*Exercise prompt*:
Starting at the top of the records, output every line through the one that contains "#196=IFCMATERIAL('Steel ASTM A992',$,'steel');", keeping each exactly as it appears.

(Saved entries)
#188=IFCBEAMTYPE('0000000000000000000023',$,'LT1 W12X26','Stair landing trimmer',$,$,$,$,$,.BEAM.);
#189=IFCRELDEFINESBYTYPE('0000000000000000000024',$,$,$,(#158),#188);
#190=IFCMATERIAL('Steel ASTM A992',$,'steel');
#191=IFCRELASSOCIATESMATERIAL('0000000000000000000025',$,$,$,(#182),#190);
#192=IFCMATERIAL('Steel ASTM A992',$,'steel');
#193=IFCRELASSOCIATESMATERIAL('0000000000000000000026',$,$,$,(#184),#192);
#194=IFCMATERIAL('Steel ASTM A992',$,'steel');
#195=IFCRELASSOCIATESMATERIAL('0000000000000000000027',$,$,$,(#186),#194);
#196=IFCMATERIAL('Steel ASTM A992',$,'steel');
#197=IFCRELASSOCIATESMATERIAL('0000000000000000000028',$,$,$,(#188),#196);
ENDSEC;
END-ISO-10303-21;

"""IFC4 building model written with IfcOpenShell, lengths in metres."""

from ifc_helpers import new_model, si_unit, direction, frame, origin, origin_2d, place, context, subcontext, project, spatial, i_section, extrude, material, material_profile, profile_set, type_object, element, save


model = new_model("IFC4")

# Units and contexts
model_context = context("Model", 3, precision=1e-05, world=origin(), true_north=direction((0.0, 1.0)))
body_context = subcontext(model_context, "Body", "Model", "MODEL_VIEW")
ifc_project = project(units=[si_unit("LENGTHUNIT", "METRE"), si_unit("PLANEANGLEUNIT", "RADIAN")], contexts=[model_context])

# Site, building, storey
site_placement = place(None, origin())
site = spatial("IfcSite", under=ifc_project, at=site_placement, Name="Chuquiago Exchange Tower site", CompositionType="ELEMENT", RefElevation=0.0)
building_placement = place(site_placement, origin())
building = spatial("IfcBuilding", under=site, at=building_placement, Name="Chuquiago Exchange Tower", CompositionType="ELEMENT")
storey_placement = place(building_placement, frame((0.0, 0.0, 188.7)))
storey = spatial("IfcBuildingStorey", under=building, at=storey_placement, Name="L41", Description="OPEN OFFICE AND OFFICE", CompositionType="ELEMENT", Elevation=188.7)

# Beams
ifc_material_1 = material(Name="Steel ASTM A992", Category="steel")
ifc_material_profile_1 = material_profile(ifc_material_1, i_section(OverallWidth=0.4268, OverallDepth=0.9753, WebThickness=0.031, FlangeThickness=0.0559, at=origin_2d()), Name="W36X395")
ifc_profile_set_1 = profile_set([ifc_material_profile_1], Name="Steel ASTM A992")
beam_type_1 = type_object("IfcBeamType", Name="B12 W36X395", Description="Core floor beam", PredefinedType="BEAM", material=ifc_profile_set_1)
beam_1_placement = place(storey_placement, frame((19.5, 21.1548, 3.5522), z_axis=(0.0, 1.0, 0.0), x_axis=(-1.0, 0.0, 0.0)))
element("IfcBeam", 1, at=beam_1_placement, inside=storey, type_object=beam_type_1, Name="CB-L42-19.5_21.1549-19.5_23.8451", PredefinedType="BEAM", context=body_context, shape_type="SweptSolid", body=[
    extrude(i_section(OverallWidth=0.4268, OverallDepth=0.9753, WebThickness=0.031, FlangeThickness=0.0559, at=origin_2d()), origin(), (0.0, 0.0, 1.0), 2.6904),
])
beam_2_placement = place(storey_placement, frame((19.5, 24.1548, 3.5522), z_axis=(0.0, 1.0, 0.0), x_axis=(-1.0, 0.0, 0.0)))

*Written solution*:
#188=IFCBEAMTYPE('0000000000000000000023',$,'LT1 W12X26','Stair landing trimmer',$,$,$,$,$,.BEAM.);
#189=IFCRELDEFINESBYTYPE('0000000000000000000024',$,$,$,(#158),#188);
#190=IFCMATERIAL('Steel ASTM A992',$,'steel');
#191=IFCRELASSOCIATESMATERIAL('0000000000000000000025',$,$,$,(#182),#190);
#192=IFCMATERIAL('Steel ASTM A992',$,'steel');
#193=IFCRELASSOCIATESMATERIAL('0000000000000000000026',$,$,$,(#184),#192);
#194=IFCMATERIAL('Steel ASTM A992',$,'steel');
#195=IFCRELASSOCIATESMATERIAL('0000000000000000000027',$,$,$,(#186),#194);
#196=IFCMATERIAL('Steel ASTM A992',$,'steel');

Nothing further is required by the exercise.